BEGIN

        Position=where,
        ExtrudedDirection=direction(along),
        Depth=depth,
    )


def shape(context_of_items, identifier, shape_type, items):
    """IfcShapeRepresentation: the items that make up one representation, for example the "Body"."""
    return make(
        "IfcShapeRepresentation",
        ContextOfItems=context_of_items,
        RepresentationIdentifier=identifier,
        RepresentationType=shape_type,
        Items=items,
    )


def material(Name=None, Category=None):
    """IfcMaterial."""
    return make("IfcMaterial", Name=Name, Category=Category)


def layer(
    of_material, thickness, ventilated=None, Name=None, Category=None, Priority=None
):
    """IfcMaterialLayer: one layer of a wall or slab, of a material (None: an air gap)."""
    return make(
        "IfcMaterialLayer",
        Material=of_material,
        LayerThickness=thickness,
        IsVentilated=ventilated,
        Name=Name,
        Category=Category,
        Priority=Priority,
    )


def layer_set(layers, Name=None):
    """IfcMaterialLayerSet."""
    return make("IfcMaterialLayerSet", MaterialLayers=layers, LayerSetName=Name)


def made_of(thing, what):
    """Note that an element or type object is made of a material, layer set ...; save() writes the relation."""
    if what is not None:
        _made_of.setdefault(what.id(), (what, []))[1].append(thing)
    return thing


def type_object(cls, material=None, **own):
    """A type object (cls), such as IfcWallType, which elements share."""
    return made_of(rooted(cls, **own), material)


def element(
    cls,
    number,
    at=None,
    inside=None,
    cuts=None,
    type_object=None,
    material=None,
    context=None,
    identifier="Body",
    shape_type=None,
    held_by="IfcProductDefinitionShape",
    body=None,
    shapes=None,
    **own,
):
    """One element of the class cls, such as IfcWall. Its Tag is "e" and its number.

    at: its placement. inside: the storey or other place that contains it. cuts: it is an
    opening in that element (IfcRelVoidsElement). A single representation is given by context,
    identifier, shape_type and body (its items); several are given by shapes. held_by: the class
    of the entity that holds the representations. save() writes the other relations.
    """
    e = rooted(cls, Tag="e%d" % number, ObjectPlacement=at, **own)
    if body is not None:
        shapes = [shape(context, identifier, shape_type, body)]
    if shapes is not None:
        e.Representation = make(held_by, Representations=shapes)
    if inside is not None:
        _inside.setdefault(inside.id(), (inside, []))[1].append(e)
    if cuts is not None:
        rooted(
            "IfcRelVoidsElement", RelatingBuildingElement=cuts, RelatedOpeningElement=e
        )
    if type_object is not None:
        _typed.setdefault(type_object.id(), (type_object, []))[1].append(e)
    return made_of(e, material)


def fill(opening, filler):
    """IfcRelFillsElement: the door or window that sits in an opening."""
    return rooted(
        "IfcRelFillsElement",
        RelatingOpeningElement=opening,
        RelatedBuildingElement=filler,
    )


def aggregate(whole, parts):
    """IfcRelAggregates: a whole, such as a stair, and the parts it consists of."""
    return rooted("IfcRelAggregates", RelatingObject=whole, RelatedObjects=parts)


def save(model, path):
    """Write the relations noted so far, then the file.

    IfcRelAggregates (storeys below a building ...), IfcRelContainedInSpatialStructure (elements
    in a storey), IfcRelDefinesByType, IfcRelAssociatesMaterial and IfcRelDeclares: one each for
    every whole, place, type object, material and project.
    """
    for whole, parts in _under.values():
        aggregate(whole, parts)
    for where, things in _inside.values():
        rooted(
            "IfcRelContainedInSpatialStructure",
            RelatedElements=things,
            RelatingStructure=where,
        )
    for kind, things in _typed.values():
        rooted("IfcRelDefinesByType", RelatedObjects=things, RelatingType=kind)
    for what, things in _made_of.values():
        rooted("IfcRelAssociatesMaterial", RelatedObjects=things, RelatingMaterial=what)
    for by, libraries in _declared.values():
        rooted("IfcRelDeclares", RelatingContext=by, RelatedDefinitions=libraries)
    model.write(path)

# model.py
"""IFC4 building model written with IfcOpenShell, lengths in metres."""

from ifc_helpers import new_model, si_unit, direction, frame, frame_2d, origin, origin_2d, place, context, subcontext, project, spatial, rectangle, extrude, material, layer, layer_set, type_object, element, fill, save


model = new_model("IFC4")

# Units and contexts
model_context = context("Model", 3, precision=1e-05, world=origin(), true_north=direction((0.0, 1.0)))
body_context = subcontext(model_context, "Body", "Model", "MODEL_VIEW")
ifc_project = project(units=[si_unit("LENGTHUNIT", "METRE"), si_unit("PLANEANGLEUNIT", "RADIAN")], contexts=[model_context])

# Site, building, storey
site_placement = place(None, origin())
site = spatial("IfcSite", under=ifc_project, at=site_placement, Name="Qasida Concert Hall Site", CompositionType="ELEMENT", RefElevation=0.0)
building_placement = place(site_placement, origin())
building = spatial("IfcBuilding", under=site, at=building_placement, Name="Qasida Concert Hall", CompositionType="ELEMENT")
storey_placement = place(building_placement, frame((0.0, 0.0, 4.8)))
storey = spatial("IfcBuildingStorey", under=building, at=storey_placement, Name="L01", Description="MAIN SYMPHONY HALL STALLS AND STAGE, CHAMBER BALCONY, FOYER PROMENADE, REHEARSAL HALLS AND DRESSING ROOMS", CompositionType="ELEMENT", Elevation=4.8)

END
BEGIN

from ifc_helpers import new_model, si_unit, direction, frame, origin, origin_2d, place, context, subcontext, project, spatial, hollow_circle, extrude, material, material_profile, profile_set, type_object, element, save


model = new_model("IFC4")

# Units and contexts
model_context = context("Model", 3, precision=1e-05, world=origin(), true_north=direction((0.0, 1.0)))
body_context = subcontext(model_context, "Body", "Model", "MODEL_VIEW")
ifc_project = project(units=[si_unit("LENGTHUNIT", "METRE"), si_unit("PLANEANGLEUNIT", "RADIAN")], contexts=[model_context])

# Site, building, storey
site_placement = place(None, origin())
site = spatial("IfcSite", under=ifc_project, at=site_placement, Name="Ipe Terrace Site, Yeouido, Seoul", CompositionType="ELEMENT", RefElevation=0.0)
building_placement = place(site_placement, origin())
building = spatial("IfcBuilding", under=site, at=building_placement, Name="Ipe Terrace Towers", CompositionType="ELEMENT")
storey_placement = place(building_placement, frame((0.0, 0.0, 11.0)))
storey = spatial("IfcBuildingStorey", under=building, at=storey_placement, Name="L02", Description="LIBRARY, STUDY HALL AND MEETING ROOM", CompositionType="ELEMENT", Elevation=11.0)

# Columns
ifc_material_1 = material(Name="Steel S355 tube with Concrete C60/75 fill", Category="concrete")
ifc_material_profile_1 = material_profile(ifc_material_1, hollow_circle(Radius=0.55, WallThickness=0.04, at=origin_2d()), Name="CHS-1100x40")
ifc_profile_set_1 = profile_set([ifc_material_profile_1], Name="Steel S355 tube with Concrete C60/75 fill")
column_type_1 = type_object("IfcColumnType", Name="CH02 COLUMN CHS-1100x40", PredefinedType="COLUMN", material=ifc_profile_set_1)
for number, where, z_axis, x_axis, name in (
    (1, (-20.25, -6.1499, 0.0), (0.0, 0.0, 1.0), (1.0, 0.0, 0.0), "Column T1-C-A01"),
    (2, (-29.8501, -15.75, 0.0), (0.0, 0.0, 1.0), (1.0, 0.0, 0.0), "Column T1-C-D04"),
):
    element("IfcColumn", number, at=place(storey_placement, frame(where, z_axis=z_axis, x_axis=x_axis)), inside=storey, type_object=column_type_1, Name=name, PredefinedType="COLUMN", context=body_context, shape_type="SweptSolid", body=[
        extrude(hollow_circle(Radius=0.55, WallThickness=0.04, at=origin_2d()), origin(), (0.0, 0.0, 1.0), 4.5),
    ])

END

__EXERCISE INSTRUCTIONS__
Go through the entries and copy every line that has "IfcSite".

__ANSWER FOR THIS EXERCISE__
site = spatial("IfcSite", under=ifc_project, at=site_placement, Name="Qasida Concert Hall Site", CompositionType="ELEMENT", RefElevation=0.0)
site = spatial("IfcSite", under=ifc_project, at=site_placement, Name="Ipe Terrace Site, Yeouido, Seoul", CompositionType="ELEMENT", RefElevation=0.0)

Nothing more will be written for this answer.